=== Begin Enclosure ===
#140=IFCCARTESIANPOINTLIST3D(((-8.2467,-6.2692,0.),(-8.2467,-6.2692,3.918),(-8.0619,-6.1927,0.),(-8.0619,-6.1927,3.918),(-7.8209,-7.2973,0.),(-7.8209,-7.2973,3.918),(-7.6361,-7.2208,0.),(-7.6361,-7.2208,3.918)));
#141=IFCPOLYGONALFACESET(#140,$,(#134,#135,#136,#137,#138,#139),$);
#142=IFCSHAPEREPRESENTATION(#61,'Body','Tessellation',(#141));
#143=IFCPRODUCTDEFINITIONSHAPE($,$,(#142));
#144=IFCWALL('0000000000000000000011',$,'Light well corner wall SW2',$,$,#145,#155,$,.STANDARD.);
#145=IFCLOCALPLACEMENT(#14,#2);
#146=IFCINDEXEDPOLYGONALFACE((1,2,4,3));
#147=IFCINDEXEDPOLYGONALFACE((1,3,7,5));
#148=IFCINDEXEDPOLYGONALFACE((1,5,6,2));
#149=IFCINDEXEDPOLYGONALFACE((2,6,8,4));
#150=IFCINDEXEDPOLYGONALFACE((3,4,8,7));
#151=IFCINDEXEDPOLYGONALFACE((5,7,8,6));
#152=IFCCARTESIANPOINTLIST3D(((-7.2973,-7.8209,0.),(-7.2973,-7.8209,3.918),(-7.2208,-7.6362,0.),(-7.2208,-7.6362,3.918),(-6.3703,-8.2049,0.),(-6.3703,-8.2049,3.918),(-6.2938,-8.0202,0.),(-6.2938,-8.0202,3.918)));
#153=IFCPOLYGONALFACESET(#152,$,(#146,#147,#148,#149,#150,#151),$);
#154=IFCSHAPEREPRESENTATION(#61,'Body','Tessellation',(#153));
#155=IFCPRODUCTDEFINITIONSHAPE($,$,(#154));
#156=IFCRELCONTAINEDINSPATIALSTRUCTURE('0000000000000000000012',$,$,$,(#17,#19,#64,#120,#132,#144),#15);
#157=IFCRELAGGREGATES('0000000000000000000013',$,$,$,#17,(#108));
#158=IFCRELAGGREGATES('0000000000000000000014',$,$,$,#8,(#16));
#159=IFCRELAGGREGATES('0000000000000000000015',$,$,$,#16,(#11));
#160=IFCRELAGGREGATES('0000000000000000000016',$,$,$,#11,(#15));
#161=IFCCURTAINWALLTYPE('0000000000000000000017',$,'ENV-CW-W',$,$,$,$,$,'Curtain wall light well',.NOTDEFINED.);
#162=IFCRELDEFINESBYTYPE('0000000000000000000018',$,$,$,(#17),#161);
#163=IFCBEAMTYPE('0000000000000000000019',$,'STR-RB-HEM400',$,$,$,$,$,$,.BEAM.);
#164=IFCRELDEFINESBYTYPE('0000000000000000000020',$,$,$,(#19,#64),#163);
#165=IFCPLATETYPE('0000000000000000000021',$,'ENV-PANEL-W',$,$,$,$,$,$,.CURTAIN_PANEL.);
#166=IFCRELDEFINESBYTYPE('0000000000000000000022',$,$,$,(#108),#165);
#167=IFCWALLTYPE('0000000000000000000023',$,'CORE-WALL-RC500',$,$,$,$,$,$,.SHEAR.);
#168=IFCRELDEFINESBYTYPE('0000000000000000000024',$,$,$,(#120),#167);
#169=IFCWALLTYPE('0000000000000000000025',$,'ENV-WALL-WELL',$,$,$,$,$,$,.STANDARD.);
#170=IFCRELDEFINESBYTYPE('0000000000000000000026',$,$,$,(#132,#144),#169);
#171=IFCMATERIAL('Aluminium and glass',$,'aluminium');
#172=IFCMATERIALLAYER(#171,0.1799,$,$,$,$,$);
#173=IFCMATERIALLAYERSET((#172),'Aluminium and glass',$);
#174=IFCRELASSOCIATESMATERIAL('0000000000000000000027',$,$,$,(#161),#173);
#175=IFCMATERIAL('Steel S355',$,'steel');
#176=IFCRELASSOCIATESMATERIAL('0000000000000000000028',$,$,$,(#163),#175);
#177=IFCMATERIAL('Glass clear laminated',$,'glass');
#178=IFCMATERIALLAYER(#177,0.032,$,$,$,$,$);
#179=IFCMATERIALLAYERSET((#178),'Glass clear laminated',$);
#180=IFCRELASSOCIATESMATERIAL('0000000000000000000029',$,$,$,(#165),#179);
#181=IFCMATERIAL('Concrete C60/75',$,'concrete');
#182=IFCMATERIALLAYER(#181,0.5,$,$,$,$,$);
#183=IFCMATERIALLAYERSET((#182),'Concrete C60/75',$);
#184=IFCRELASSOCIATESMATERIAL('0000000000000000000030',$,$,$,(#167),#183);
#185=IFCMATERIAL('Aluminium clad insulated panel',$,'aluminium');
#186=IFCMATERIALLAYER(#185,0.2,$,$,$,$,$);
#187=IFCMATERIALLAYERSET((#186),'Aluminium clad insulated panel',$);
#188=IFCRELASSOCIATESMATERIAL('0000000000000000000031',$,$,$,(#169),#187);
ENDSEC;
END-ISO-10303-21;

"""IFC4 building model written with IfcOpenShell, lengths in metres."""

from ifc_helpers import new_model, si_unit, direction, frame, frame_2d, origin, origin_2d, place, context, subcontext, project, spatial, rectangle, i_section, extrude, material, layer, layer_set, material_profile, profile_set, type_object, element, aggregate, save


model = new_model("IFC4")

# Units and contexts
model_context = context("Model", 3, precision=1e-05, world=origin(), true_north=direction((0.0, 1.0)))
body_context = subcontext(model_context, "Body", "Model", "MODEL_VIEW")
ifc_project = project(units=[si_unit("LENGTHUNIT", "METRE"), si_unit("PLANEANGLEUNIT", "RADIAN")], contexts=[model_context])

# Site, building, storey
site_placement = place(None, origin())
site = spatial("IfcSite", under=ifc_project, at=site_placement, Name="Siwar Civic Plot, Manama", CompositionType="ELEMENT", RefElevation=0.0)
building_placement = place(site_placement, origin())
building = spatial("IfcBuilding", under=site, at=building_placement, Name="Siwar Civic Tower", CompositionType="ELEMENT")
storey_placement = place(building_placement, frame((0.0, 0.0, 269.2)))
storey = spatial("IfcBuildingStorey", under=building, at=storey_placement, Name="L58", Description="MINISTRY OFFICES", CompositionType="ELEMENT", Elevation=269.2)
=== End Enclosure ===
• _What you will do_: Everything in the data above should be output exactly as it stands.

• _Reply to the exercise_:
#140=IFCCARTESIANPOINTLIST3D(((-8.2467,-6.2692,0.),(-8.2467,-6.2692,3.918),(-8.0619,-6.1927,0.),(-8.0619,-6.1927,3.918),(-7.8209,-7.2973,0.),(-7.8209,-7.2973,3.918),(-7.6361,-7.2208,0.),(-7.6361,-7.2208,3.918)));
#141=IFCPOLYGONALFACESET(#140,$,(#134,#135,#136,#137,#138,#139),$);
#142=IFCSHAPEREPRESENTATION(#61,'Body','Tessellation',(#141));
#143=IFCPRODUCTDEFINITIONSHAPE($,$,(#142));
#144=IFCWALL('0000000000000000000011',$,'Light well corner wall SW2',$,$,#145,#155,$,.STANDARD.);
#145=IFCLOCALPLACEMENT(#14,#2);
#146=IFCINDEXEDPOLYGONALFACE((1,2,4,3));
#147=IFCINDEXEDPOLYGONALFACE((1,3,7,5));
#148=IFCINDEXEDPOLYGONALFACE((1,5,6,2));
#149=IFCINDEXEDPOLYGONALFACE((2,6,8,4));
#150=IFCINDEXEDPOLYGONALFACE((3,4,8,7));
#151=IFCINDEXEDPOLYGONALFACE((5,7,8,6));
#152=IFCCARTESIANPOINTLIST3D(((-7.2973,-7.8209,0.),(-7.2973,-7.8209,3.918),(-7.2208,-7.6362,0.),(-7.2208,-7.6362,3.918),(-6.3703,-8.2049,0.),(-6.3703,-8.2049,3.918),(-6.2938,-8.0202,0.),(-6.2938,-8.0202,3.918)));
#153=IFCPOLYGONALFACESET(#152,$,(#146,#147,#148,#149,#150,#151),$);
#154=IFCSHAPEREPRESENTATION(#61,'Body','Tessellation',(#153));
#155=IFCPRODUCTDEFINITIONSHAPE($,$,(#154));
#156=IFCRELCONTAINEDINSPATIALSTRUCTURE('0000000000000000000012',$,$,$,(#17,#19,#64,#120,#132,#144),#15);
#157=IFCRELAGGREGATES('0000000000000000000013',$,$,$,#17,(#108));
#158=IFCRELAGGREGATES('0000000000000000000014',$,$,$,#8,(#16));
#159=IFCRELAGGREGATES('0000000000000000000015',$,$,$,#16,(#11));
#160=IFCRELAGGREGATES('0000000000000000000016',$,$,$,#11,(#15));
#161=IFCCURTAINWALLTYPE('0000000000000000000017',$,'ENV-CW-W',$,$,$,$,$,'Curtain wall light well',.NOTDEFINED.);
#162=IFCRELDEFINESBYTYPE('0000000000000000000018',$,$,$,(#17),#161);
#163=IFCBEAMTYPE('0000000000000000000019',$,'STR-RB-HEM400',$,$,$,$,$,$,.BEAM.);
#164=IFCRELDEFINESBYTYPE('0000000000000000000020',$,$,$,(#19,#64),#163);
#165=IFCPLATETYPE('0000000000000000000021',$,'ENV-PANEL-W',$,$,$,$,$,$,.CURTAIN_PANEL.);
#166=IFCRELDEFINESBYTYPE('0000000000000000000022',$,$,$,(#108),#165);
#167=IFCWALLTYPE('0000000000000000000023',$,'CORE-WALL-RC500',$,$,$,$,$,$,.SHEAR.);
#168=IFCRELDEFINESBYTYPE('0000000000000000000024',$,$,$,(#120),#167);
#169=IFCWALLTYPE('0000000000000000000025',$,'ENV-WALL-WELL',$,$,$,$,$,$,.STANDARD.);
#170=IFCRELDEFINESBYTYPE('0000000000000000000026',$,$,$,(#132,#144),#169);
#171=IFCMATERIAL('Aluminium and glass',$,'aluminium');
#172=IFCMATERIALLAYER(#171,0.1799,$,$,$,$,$);
#173=IFCMATERIALLAYERSET((#172),'Aluminium and glass',$);
#174=IFCRELASSOCIATESMATERIAL('0000000000000000000027',$,$,$,(#161),#173);
#175=IFCMATERIAL('Steel S355',$,'steel');
#176=IFCRELASSOCIATESMATERIAL('0000000000000000000028',$,$,$,(#163),#175);
#177=IFCMATERIAL('Glass clear laminated',$,'glass');
#178=IFCMATERIALLAYER(#177,0.032,$,$,$,$,$);
#179=IFCMATERIALLAYERSET((#178),'Glass clear laminated',$);
#180=IFCRELASSOCIATESMATERIAL('0000000000000000000029',$,$,$,(#165),#179);
#181=IFCMATERIAL('Concrete C60/75',$,'concrete');
#182=IFCMATERIALLAYER(#181,0.5,$,$,$,$,$);
#183=IFCMATERIALLAYERSET((#182),'Concrete C60/75',$);
#184=IFCRELASSOCIATESMATERIAL('0000000000000000000030',$,$,$,(#167),#183);
#185=IFCMATERIAL('Aluminium clad insulated panel',$,'aluminium');
#186=IFCMATERIALLAYER(#185,0.2,$,$,$,$,$);
#187=IFCMATERIALLAYERSET((#186),'Aluminium clad insulated panel',$);
#188=IFCRELASSOCIATESMATERIAL('0000000000000000000031',$,$,$,(#169),#187);
ENDSEC;
END-ISO-10303-21;

"""IFC4 building model written with IfcOpenShell, lengths in metres."""

from ifc_helpers import new_model, si_unit, direction, frame, frame_2d, origin, origin_2d, place, context, subcontext, project, spatial, rectangle, i_section, extrude, material, layer, layer_set, material_profile, profile_set, type_object, element, aggregate, save


model = new_model("IFC4")

# Units and contexts
model_context = context("Model", 3, precision=1e-05, world=origin(), true_north=direction((0.0, 1.0)))
body_context = subcontext(model_context, "Body", "Model", "MODEL_VIEW")
ifc_project = project(units=[si_unit("LENGTHUNIT", "METRE"), si_unit("PLANEANGLEUNIT", "RADIAN")], contexts=[model_context])

# Site, building, storey
site_placement = place(None, origin())
site = spatial("IfcSite", under=ifc_project, at=site_placement, Name="Siwar Civic Plot, Manama", CompositionType="ELEMENT", RefElevation=0.0)
building_placement = place(site_placement, origin())
building = spatial("IfcBuilding", under=site, at=building_placement, Name="Siwar Civic Tower", CompositionType="ELEMENT")
storey_placement = place(building_placement, frame((0.0, 0.0, 269.2)))
storey = spatial("IfcBuildingStorey", under=building, at=storey_placement, Name="L58", Description="MINISTRY OFFICES", CompositionType="ELEMENT", Elevation=269.2)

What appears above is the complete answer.